(Saved data entries)
________

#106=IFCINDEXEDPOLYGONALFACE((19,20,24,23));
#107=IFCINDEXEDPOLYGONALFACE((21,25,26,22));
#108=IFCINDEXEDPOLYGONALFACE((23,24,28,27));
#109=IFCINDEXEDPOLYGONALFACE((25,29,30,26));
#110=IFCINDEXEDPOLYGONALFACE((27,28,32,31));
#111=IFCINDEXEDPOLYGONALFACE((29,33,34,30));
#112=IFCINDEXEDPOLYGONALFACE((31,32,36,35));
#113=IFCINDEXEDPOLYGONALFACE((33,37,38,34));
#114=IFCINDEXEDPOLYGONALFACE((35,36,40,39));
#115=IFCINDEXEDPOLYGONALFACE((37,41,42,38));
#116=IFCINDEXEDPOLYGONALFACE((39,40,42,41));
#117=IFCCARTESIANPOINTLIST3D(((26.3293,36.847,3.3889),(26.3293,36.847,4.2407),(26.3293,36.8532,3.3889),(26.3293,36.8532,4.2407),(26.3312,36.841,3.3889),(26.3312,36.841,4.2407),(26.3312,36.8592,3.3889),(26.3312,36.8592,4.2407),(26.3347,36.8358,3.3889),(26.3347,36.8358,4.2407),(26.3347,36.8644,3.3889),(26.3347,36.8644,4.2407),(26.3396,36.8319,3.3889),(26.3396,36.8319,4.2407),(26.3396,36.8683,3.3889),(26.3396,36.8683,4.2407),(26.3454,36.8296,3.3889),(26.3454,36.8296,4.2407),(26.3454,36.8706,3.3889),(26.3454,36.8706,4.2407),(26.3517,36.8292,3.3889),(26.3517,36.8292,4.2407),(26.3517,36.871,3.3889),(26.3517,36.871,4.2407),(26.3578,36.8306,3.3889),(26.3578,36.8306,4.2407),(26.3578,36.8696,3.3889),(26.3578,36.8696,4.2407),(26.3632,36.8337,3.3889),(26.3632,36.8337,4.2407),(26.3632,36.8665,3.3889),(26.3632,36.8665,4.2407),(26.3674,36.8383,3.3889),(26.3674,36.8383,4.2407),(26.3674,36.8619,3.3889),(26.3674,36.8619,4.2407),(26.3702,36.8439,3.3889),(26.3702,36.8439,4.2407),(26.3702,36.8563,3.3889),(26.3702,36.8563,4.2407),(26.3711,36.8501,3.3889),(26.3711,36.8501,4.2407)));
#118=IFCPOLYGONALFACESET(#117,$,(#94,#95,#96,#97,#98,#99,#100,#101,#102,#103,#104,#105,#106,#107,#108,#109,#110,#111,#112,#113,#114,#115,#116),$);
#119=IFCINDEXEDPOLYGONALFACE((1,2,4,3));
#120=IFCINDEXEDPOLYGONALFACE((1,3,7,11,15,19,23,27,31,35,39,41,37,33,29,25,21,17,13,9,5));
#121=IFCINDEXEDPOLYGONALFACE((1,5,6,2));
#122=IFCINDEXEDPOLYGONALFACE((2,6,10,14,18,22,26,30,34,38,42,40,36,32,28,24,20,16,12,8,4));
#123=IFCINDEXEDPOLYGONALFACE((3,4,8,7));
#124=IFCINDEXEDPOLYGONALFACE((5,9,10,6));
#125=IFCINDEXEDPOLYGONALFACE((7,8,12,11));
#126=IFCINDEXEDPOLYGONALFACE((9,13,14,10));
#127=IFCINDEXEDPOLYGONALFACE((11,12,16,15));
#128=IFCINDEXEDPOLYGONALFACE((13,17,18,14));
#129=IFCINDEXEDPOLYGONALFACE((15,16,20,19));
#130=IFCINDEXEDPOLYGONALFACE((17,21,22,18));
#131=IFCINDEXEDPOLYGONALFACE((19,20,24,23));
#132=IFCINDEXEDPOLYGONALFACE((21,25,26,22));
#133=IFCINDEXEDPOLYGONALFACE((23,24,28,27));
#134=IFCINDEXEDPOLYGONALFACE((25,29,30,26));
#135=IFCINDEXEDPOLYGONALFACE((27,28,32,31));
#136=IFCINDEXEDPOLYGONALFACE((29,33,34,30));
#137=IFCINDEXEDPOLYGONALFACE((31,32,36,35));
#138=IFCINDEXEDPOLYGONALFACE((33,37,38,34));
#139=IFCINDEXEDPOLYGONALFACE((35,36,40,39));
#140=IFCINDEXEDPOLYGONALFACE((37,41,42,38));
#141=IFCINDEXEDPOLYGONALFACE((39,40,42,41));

________

- **What you should do**
Locate the line that contains "#133=IFCINDEXEDPOLYGONALFACE((23,24,28,27));", then please quote it and every line after it to the end of the entries above, exactly and with nothing else.

- **Your response**
#133=IFCINDEXEDPOLYGONALFACE((23,24,28,27));
#134=IFCINDEXEDPOLYGONALFACE((25,29,30,26));
#135=IFCINDEXEDPOLYGONALFACE((27,28,32,31));
#136=IFCINDEXEDPOLYGONALFACE((29,33,34,30));
#137=IFCINDEXEDPOLYGONALFACE((31,32,36,35));
#138=IFCINDEXEDPOLYGONALFACE((33,37,38,34));
#139=IFCINDEXEDPOLYGONALFACE((35,36,40,39));
#140=IFCINDEXEDPOLYGONALFACE((37,41,42,38));
#141=IFCINDEXEDPOLYGONALFACE((39,40,42,41));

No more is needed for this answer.